» Task item
Only certain lines below are wanted: those starting at the line containing "#38=IFCINDEXEDPOLYGONALFACE((18,20,41,39));" and ending at the line containing "#53=IFCINDEXEDPOLYGONALFACE((13,17,18,14));", both included, each retyped exactly.

(Dataset excerpts)

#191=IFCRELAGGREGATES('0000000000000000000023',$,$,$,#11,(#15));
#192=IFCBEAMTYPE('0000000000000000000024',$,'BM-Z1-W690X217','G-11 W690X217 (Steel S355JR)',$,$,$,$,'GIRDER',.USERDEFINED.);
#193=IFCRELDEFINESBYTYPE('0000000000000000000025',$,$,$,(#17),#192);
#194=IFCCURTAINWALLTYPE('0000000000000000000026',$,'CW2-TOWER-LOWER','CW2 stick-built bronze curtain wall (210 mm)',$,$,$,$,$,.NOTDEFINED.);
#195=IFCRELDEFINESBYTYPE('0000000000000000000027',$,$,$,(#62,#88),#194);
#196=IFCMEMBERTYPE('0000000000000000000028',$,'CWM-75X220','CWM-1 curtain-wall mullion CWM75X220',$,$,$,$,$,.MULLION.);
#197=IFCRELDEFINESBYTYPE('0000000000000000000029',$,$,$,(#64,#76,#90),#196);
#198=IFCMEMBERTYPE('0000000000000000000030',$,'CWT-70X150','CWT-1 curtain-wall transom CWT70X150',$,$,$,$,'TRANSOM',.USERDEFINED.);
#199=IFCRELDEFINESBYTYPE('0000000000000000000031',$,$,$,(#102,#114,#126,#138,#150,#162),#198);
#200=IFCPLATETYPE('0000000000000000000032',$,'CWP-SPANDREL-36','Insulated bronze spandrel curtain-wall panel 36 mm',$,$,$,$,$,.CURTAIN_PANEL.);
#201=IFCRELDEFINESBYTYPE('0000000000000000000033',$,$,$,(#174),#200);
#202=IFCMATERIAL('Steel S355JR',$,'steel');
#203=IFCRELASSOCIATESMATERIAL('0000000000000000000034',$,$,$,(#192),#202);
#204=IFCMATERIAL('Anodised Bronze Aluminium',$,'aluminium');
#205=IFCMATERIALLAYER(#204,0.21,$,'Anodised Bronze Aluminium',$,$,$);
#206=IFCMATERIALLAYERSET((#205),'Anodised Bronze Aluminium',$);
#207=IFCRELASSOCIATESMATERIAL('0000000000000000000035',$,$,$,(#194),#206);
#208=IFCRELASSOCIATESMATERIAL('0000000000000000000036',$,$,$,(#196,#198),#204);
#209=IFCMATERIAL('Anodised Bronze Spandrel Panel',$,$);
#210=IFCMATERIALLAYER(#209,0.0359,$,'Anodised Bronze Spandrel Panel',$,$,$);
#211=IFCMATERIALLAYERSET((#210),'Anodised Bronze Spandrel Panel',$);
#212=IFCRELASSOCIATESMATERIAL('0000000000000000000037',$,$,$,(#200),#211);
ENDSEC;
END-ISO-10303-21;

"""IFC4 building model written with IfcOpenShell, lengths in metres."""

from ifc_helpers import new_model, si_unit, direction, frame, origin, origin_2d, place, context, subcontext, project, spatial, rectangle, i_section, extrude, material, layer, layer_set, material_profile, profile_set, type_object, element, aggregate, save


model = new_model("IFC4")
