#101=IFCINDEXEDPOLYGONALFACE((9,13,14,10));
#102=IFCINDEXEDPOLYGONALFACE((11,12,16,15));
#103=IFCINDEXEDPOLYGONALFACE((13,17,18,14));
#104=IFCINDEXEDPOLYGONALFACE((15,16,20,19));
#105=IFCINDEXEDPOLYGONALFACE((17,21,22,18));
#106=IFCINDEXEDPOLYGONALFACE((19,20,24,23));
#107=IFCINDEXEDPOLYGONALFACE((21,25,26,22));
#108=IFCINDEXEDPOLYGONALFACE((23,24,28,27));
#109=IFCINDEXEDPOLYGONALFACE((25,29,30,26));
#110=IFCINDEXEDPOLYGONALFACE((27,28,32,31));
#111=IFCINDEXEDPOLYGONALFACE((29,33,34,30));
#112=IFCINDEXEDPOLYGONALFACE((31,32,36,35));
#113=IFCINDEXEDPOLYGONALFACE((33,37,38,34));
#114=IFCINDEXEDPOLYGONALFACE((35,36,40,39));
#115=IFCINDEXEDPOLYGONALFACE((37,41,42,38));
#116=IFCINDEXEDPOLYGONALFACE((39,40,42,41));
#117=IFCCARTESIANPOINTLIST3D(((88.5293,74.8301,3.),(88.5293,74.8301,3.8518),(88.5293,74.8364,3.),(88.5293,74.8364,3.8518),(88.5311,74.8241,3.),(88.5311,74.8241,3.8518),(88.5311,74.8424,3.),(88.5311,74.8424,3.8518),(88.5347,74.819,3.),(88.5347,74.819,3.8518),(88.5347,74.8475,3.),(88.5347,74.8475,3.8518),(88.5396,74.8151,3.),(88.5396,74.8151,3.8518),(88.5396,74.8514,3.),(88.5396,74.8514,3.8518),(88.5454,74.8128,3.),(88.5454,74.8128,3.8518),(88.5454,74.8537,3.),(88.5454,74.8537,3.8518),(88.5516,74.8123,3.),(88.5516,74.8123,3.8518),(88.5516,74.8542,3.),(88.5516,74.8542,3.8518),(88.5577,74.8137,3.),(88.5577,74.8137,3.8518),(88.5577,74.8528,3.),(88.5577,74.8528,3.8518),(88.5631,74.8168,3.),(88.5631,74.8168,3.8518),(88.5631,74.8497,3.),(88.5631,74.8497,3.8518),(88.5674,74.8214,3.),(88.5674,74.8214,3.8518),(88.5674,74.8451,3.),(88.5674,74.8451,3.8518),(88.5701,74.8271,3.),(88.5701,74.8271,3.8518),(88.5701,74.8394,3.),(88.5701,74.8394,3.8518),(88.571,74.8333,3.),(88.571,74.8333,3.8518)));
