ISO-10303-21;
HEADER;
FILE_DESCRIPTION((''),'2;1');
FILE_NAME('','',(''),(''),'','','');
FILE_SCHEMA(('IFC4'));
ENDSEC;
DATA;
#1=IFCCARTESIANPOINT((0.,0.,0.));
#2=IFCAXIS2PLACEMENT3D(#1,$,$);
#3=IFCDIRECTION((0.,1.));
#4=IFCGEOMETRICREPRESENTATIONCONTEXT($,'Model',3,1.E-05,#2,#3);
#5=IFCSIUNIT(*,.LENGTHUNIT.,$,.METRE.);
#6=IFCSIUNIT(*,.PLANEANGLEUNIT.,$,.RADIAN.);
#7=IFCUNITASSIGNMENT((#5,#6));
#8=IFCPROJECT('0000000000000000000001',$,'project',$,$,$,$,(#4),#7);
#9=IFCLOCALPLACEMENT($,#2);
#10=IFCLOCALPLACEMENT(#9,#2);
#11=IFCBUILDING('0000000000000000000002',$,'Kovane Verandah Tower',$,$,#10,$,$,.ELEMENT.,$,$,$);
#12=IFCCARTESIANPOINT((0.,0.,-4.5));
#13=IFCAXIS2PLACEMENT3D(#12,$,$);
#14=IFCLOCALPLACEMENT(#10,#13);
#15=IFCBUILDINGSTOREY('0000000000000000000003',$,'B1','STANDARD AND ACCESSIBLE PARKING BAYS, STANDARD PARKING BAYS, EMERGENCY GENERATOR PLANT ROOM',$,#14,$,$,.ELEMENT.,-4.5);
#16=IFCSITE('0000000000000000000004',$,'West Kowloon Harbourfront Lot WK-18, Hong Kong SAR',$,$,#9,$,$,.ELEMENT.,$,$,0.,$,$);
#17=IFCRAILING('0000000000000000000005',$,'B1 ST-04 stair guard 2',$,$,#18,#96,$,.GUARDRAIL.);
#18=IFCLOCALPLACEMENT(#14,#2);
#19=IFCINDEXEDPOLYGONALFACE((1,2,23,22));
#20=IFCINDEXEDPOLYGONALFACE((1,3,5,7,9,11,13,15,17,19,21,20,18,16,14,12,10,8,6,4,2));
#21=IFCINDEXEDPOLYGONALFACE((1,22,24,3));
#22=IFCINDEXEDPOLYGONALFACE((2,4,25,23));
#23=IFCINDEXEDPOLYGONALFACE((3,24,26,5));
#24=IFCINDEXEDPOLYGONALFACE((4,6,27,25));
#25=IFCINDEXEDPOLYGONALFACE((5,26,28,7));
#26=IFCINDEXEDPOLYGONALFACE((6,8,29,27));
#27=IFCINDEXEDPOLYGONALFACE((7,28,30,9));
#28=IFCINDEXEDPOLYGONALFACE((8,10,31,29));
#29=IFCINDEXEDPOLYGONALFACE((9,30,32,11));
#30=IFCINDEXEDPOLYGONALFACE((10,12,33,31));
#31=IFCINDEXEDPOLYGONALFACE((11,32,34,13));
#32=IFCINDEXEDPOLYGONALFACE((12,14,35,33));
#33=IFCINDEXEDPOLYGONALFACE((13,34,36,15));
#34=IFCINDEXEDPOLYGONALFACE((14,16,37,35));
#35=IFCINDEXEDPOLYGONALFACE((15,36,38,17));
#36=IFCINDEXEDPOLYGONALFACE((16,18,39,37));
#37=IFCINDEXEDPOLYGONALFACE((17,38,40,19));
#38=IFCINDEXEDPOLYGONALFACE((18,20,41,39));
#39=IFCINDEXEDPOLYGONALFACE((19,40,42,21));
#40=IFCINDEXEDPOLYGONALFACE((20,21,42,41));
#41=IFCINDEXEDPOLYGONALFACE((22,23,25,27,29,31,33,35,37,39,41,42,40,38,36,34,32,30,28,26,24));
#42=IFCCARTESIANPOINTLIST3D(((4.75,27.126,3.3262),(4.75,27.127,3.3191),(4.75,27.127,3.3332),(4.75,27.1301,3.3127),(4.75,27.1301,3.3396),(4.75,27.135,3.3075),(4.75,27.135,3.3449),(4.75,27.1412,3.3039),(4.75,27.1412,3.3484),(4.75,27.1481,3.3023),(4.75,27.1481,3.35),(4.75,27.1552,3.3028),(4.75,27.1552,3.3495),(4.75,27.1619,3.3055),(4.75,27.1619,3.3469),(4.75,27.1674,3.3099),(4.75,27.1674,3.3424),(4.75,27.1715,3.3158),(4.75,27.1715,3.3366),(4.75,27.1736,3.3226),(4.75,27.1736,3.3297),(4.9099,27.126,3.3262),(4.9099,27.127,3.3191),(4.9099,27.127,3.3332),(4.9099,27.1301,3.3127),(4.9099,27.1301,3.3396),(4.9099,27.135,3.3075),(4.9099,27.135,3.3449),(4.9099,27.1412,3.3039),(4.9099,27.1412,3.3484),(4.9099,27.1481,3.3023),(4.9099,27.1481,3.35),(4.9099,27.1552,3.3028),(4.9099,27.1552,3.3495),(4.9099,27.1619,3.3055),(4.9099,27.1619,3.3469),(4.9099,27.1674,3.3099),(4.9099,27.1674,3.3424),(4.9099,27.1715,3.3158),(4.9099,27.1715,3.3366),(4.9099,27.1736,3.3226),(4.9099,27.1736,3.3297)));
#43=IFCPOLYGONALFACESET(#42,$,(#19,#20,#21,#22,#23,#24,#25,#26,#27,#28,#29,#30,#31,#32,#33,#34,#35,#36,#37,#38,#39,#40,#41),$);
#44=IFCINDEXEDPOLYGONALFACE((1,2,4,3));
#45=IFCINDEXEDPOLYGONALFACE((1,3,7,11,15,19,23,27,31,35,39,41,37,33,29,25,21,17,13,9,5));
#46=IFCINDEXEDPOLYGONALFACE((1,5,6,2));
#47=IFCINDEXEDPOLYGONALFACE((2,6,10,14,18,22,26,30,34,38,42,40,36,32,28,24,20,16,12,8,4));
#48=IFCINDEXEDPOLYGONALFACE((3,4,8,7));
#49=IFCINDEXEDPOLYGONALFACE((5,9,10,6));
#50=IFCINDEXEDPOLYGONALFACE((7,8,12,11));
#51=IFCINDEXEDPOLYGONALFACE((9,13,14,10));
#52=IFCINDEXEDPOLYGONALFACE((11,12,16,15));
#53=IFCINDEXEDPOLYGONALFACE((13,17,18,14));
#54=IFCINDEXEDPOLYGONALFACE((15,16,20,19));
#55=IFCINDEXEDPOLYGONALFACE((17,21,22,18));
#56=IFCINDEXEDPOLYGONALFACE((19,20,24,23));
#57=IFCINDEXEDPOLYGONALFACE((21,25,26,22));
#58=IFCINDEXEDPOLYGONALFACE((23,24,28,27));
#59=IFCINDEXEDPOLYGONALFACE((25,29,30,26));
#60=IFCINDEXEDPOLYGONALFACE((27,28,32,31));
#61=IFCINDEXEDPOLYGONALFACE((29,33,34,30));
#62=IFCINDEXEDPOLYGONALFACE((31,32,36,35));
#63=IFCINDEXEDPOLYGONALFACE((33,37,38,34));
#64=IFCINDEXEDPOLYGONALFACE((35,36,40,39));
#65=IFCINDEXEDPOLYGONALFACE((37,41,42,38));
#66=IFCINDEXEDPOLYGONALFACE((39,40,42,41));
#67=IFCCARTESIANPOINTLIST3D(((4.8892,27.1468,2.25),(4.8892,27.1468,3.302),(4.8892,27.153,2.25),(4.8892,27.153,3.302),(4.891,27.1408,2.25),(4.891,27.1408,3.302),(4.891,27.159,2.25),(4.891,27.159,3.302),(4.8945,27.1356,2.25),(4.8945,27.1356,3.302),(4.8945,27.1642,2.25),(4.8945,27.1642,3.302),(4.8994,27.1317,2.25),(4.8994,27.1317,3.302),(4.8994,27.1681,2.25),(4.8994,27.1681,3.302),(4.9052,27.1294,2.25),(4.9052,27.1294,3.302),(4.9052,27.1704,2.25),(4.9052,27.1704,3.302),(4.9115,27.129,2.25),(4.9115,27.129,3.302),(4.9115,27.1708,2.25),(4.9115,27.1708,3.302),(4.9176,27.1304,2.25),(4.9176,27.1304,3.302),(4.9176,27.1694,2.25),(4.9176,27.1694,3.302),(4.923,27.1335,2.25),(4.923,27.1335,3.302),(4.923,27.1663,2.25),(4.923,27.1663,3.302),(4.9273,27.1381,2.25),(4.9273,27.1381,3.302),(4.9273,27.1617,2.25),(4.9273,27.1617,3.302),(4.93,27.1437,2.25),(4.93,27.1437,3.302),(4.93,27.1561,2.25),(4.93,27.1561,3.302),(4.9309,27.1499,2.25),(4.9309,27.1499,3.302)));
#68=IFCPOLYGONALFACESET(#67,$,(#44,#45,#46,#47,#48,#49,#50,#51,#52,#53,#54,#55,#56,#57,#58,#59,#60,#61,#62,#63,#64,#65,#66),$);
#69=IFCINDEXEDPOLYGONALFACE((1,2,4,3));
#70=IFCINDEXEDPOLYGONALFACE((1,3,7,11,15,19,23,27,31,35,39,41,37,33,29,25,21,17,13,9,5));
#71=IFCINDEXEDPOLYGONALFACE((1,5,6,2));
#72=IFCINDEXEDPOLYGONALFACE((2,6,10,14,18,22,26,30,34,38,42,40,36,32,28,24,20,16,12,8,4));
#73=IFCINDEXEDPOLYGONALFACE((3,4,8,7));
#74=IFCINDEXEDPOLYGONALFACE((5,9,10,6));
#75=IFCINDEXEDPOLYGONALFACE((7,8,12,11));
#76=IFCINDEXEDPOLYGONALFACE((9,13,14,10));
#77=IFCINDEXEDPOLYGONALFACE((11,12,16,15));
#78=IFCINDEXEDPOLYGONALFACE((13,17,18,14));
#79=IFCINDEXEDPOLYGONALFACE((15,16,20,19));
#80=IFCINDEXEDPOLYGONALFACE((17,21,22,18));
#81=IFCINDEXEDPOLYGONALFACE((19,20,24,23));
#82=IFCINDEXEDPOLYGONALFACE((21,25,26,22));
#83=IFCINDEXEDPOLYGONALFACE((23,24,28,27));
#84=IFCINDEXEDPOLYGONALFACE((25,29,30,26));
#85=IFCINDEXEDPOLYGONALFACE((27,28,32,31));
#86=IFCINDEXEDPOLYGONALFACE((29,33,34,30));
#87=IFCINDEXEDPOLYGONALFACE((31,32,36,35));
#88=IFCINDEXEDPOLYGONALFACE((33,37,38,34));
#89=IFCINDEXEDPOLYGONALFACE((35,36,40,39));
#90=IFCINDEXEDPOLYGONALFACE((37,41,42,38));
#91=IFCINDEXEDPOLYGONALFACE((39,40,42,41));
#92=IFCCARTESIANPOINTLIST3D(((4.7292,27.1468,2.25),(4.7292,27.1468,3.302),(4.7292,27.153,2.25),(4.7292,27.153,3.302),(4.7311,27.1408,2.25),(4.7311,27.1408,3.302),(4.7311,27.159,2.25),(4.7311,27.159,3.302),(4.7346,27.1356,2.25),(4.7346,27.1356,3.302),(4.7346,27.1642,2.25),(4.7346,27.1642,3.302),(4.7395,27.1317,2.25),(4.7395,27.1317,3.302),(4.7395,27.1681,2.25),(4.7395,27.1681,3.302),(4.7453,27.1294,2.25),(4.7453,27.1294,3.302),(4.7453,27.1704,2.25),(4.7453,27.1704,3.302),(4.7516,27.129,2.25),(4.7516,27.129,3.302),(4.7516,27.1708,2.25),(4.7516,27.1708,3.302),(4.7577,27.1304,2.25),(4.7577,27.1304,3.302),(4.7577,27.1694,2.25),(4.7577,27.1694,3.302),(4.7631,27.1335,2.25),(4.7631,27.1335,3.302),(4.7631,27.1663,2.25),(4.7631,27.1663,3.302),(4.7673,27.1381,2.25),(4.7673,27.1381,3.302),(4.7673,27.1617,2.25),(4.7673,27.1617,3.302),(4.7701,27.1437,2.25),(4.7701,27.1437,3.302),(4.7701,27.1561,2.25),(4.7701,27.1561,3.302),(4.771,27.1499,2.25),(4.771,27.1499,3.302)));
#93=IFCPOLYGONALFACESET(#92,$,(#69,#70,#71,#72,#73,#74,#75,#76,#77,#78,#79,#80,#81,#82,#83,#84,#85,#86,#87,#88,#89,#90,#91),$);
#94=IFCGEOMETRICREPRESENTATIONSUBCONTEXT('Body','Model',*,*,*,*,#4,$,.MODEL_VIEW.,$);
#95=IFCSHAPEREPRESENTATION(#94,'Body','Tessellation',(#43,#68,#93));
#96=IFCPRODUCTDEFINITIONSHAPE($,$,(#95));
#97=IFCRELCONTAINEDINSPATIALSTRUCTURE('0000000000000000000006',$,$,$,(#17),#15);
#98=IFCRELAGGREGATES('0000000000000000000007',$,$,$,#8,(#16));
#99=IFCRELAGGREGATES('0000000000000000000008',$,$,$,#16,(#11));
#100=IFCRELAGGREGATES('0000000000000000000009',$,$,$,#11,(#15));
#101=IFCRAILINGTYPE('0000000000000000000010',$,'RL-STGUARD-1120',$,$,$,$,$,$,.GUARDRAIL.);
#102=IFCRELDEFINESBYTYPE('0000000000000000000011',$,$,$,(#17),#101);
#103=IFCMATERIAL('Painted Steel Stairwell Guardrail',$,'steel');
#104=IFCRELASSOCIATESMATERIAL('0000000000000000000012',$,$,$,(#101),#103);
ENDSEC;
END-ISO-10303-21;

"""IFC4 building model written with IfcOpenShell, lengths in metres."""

from ifc_helpers import new_model, si_unit, direction, frame, origin, origin_2d, place, context, subcontext, project, spatial, circle, extrude, material, type_object, element, save


model = new_model("IFC4")

# Units and contexts
model_context = context("Model", 3, precision=1e-05, world=origin(), true_north=direction((0.0, 1.0)))
body_context = subcontext(model_context, "Body", "Model", "MODEL_VIEW")
ifc_project = project(units=[si_unit("LENGTHUNIT", "METRE"), si_unit("PLANEANGLEUNIT", "RADIAN")], contexts=[model_context])

# Site, building, storey
site_placement = place(None, origin())
site = spatial("IfcSite", under=ifc_project, at=site_placement, Name="West Kowloon Harbourfront Lot WK-18, Hong Kong SAR", CompositionType="ELEMENT", RefElevation=0.0)
building_placement = place(site_placement, origin())
building = spatial("IfcBuilding", under=site, at=building_placement, Name="Kovane Verandah Tower", CompositionType="ELEMENT")
storey_placement = place(building_placement, frame((0.0, 0.0, -4.5)))
storey = spatial("IfcBuildingStorey", under=building, at=storey_placement, Name="B1", Description="STANDARD AND ACCESSIBLE PARKING BAYS, STANDARD PARKING BAYS, EMERGENCY GENERATOR PLANT ROOM", CompositionType="ELEMENT", Elevation=-4.5)

# Railing
ifc_material_1 = material(Name="Painted Steel Stairwell Guardrail", Category="steel")
railing_type_1 = type_object("IfcRailingType", Name="RL-STGUARD-1120", PredefinedType="GUARDRAIL", material=ifc_material_1)
railing_1_placement = place(storey_placement, frame((4.9099, 27.1499, 2.25)))
element("IfcRailing", 1, at=railing_1_placement, inside=storey, type_object=railing_type_1, Name="B1 ST-04 stair guard 2", PredefinedType="GUARDRAIL", context=body_context, shape_type="SweptSolid", body=[
    extrude(circle(Radius=0.0239, at=origin_2d()), frame((0.0, 0.0, 1.0762), z_axis=(-1.0, 0.0, 0.0), x_axis=(0.0, -1.0, 0.0)), (0.0, 0.0, 1.0), 0.1599),
    extrude(circle(Radius=0.021, at=origin_2d()), origin(), (0.0, 0.0, 1.0), 1.052),
    extrude(circle(Radius=0.021, at=origin_2d()), frame((-0.1599, 0.0, 0.0)), (0.0, 0.0, 1.0), 1.052),
])

save(model, "model.ifc")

» Solution to this exercise
#38=IFCINDEXEDPOLYGONALFACE((18,20,41,39));
#39=IFCINDEXEDPOLYGONALFACE((19,40,42,21));
#40=IFCINDEXEDPOLYGONALFACE((20,21,42,41));
#41=IFCINDEXEDPOLYGONALFACE((22,23,25,27,29,31,33,35,37,39,41,42,40,38,36,34,32,30,28,26,24));
#42=IFCCARTESIANPOINTLIST3D(((4.75,27.126,3.3262),(4.75,27.127,3.3191),(4.75,27.127,3.3332),(4.75,27.1301,3.3127),(4.75,27.1301,3.3396),(4.75,27.135,3.3075),(4.75,27.135,3.3449),(4.75,27.1412,3.3039),(4.75,27.1412,3.3484),(4.75,27.1481,3.3023),(4.75,27.1481,3.35),(4.75,27.1552,3.3028),(4.75,27.1552,3.3495),(4.75,27.1619,3.3055),(4.75,27.1619,3.3469),(4.75,27.1674,3.3099),(4.75,27.1674,3.3424),(4.75,27.1715,3.3158),(4.75,27.1715,3.3366),(4.75,27.1736,3.3226),(4.75,27.1736,3.3297),(4.9099,27.126,3.3262),(4.9099,27.127,3.3191),(4.9099,27.127,3.3332),(4.9099,27.1301,3.3127),(4.9099,27.1301,3.3396),(4.9099,27.135,3.3075),(4.9099,27.135,3.3449),(4.9099,27.1412,3.3039),(4.9099,27.1412,3.3484),(4.9099,27.1481,3.3023),(4.9099,27.1481,3.35),(4.9099,27.1552,3.3028),(4.9099,27.1552,3.3495),(4.9099,27.1619,3.3055),(4.9099,27.1619,3.3469),(4.9099,27.1674,3.3099),(4.9099,27.1674,3.3424),(4.9099,27.1715,3.3158),(4.9099,27.1715,3.3366),(4.9099,27.1736,3.3226),(4.9099,27.1736,3.3297)));
#43=IFCPOLYGONALFACESET(#42,$,(#19,#20,#21,#22,#23,#24,#25,#26,#27,#28,#29,#30,#31,#32,#33,#34,#35,#36,#37,#38,#39,#40,#41),$);
#44=IFCINDEXEDPOLYGONALFACE((1,2,4,3));
#45=IFCINDEXEDPOLYGONALFACE((1,3,7,11,15,19,23,27,31,35,39,41,37,33,29,25,21,17,13,9,5));
#46=IFCINDEXEDPOLYGONALFACE((1,5,6,2));
#47=IFCINDEXEDPOLYGONALFACE((2,6,10,14,18,22,26,30,34,38,42,40,36,32,28,24,20,16,12,8,4));
#48=IFCINDEXEDPOLYGONALFACE((3,4,8,7));
#49=IFCINDEXEDPOLYGONALFACE((5,9,10,6));
#50=IFCINDEXEDPOLYGONALFACE((7,8,12,11));
#51=IFCINDEXEDPOLYGONALFACE((9,13,14,10));
#52=IFCINDEXEDPOLYGONALFACE((11,12,16,15));
#53=IFCINDEXEDPOLYGONALFACE((13,17,18,14));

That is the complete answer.